#### Problem to solve
Lift out, unaltered, the lines of the material below between the line holding "#122=IFCINDEXEDPOLYGONALFACE((1,37,38,2));" and the line holding "#126=IFCINDEXEDPOLYGONALFACE((4,40,72,36));", counting both.
[Records to process Boundary: Start]
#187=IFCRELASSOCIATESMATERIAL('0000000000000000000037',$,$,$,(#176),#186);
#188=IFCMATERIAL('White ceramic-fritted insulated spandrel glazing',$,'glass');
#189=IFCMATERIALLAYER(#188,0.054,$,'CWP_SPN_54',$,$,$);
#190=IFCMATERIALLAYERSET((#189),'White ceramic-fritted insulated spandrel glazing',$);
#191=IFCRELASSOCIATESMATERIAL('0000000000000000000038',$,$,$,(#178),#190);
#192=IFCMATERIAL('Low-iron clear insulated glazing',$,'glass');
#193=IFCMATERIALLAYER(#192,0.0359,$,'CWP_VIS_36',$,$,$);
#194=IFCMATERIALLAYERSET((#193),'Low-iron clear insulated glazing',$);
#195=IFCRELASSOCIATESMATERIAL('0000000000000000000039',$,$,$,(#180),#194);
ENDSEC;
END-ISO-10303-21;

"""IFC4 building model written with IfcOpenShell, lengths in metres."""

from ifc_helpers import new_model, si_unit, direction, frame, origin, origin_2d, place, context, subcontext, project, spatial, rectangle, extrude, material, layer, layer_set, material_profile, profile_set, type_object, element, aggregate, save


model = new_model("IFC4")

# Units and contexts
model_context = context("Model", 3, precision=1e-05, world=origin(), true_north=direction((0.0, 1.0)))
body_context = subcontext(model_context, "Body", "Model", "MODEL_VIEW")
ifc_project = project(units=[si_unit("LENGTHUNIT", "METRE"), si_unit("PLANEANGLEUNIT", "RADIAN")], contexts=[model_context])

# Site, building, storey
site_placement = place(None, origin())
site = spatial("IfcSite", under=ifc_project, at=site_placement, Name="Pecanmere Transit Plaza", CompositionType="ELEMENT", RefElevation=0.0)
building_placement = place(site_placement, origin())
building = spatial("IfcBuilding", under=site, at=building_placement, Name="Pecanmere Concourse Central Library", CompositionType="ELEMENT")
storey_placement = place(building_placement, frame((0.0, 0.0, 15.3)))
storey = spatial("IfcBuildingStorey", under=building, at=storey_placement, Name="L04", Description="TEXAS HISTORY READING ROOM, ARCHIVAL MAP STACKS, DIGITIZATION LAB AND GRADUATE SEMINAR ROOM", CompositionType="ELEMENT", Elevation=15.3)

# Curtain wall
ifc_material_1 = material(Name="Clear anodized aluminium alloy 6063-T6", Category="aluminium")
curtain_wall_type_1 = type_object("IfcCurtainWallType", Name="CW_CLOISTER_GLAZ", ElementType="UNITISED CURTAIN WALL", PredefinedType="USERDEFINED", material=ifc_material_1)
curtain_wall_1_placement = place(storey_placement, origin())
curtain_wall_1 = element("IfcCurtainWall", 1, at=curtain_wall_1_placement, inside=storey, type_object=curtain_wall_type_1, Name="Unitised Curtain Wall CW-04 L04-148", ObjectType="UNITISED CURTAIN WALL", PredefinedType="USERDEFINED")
[Records to process Boundary: End]
[Records to process Boundary: Start]
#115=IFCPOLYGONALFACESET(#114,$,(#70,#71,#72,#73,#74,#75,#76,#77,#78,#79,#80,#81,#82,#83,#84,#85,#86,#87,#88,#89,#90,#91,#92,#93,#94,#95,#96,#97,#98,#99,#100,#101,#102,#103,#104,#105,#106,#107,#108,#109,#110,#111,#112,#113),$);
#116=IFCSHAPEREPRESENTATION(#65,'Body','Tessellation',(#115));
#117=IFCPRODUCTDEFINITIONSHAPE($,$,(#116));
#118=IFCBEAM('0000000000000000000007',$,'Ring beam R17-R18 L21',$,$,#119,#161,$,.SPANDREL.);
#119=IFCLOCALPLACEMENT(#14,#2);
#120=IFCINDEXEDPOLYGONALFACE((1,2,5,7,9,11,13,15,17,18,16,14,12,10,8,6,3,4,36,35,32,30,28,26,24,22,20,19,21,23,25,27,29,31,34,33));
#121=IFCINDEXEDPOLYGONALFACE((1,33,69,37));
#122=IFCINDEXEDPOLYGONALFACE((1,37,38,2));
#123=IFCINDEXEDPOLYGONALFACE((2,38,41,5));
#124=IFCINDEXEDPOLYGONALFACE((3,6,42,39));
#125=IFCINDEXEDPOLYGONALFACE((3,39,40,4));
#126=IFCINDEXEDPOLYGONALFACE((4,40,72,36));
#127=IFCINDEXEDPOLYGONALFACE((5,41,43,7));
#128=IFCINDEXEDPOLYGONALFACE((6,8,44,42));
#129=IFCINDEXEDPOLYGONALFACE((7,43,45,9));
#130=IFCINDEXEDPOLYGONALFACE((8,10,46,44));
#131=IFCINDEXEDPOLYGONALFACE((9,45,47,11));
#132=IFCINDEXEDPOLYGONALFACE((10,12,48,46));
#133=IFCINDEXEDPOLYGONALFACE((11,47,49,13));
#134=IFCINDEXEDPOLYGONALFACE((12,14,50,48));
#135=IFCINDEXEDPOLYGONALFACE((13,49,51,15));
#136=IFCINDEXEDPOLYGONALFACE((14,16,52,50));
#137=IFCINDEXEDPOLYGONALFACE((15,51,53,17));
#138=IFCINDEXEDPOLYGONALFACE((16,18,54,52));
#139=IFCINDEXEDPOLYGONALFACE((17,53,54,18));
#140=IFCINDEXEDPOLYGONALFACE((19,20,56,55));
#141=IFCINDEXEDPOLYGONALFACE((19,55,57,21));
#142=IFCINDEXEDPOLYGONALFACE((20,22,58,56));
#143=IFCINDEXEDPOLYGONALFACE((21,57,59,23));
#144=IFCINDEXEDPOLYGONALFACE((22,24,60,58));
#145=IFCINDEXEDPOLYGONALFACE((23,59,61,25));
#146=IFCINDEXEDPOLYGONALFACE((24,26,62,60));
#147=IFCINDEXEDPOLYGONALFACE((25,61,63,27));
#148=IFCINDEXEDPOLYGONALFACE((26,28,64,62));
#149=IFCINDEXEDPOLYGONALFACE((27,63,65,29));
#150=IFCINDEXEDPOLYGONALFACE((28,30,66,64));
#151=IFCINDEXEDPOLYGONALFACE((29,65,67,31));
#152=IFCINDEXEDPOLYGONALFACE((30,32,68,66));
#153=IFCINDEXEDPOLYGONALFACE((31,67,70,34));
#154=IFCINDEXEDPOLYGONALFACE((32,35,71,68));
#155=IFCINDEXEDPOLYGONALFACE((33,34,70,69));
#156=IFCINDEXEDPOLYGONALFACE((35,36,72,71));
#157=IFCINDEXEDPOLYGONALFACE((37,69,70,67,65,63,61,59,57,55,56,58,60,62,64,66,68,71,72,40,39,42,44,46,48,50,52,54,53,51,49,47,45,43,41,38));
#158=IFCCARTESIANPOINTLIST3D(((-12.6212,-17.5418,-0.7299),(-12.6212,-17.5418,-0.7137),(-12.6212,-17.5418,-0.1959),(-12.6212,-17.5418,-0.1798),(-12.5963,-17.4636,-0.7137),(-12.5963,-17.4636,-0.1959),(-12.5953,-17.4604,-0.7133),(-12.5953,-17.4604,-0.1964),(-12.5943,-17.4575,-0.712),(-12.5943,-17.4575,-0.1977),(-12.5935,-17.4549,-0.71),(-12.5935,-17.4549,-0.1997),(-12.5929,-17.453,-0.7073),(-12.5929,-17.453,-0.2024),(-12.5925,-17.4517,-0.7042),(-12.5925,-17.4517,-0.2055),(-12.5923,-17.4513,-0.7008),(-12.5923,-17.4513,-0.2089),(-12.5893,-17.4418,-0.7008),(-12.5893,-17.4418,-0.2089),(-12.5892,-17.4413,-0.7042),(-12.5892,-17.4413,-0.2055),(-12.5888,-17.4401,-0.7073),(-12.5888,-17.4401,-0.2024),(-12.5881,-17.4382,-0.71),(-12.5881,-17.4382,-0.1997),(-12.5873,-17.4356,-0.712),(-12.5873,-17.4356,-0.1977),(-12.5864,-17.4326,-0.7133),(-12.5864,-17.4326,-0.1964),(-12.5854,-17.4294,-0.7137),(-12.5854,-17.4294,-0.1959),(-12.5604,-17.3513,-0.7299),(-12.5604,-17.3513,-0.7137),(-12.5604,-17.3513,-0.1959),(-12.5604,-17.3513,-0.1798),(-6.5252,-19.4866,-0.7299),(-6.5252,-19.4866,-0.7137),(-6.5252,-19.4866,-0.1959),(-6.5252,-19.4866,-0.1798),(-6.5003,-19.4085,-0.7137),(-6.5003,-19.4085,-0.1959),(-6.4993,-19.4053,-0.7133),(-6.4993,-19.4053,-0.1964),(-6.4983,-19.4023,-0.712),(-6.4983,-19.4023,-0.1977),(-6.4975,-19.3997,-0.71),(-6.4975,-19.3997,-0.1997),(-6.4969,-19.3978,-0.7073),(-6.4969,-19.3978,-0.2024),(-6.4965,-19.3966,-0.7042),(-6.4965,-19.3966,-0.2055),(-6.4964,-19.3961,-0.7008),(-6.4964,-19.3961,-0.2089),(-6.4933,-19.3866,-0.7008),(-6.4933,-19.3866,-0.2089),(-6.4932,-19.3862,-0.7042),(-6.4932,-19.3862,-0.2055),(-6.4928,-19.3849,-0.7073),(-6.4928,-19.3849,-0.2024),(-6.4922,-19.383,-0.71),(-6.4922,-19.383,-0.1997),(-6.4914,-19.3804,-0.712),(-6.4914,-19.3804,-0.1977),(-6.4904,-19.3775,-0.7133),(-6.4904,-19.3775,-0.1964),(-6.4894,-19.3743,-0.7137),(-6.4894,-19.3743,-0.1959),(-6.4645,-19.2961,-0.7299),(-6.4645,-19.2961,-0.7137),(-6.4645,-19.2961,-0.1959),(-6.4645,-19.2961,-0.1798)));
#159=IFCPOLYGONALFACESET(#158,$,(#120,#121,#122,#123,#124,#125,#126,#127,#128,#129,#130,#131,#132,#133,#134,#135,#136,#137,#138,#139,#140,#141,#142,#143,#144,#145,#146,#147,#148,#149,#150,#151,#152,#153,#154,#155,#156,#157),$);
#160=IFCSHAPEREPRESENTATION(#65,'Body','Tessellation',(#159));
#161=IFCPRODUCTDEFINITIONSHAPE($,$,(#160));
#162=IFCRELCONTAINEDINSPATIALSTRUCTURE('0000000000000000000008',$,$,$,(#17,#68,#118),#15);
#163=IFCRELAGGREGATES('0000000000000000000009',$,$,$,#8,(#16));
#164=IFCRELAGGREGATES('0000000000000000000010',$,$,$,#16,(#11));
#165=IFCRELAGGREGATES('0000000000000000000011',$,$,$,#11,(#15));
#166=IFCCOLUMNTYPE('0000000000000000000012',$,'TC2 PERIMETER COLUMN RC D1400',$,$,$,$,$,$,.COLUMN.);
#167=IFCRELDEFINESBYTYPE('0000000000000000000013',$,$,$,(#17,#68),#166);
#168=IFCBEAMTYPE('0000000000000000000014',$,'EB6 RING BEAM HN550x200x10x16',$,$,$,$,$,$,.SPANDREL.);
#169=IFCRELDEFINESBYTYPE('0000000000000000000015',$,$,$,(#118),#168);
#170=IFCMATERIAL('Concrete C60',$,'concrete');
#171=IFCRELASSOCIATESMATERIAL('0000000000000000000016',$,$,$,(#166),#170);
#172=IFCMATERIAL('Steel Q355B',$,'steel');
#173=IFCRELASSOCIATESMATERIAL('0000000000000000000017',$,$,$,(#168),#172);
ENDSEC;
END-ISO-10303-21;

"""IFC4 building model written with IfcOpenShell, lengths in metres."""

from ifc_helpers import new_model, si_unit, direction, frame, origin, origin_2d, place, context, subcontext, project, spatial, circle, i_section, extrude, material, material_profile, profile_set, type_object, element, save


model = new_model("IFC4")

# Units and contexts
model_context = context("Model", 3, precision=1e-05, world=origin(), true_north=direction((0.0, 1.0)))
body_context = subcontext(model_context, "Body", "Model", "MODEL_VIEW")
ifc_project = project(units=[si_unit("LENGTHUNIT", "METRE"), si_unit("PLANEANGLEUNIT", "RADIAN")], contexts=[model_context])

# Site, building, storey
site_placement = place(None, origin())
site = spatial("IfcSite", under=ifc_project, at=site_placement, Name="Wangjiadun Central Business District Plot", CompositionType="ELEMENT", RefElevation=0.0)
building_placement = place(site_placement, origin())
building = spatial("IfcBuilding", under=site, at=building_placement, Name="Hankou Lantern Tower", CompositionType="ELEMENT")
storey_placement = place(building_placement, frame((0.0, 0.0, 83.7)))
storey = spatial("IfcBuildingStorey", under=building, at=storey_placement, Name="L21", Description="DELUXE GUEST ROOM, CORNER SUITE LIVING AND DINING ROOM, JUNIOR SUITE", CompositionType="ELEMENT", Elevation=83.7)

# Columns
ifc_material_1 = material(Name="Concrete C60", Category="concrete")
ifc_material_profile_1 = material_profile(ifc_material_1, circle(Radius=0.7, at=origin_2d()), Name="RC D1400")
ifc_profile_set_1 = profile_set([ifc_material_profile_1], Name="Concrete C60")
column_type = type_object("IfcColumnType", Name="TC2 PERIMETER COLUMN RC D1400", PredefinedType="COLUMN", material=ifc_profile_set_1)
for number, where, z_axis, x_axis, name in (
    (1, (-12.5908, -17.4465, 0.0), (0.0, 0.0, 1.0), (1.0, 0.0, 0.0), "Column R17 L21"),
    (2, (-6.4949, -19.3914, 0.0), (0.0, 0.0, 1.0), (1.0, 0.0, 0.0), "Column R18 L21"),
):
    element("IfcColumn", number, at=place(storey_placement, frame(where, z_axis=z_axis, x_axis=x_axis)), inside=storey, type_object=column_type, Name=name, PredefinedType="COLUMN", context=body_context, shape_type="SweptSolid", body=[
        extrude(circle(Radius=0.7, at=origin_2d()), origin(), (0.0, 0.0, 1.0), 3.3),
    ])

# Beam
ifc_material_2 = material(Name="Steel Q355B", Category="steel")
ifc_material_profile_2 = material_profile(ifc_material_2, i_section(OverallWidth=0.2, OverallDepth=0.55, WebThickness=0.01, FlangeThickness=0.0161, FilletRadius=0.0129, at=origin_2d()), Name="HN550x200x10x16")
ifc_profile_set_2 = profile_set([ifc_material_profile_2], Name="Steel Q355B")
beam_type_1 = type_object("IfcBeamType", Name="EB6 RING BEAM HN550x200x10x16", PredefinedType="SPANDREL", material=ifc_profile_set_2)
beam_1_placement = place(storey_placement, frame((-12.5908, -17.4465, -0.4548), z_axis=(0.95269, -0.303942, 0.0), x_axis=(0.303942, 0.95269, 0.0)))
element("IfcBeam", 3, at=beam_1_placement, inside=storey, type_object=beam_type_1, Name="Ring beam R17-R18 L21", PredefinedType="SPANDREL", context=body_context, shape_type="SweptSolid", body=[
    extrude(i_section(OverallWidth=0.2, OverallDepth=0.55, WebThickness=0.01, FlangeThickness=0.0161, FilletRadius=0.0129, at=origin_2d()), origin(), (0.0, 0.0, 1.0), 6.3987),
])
[Records to process Boundary: End]
#### Reply
#122=IFCINDEXEDPOLYGONALFACE((1,37,38,2));
#123=IFCINDEXEDPOLYGONALFACE((2,38,41,5));
#124=IFCINDEXEDPOLYGONALFACE((3,6,42,39));
#125=IFCINDEXEDPOLYGONALFACE((3,39,40,4));
#126=IFCINDEXEDPOLYGONALFACE((4,40,72,36));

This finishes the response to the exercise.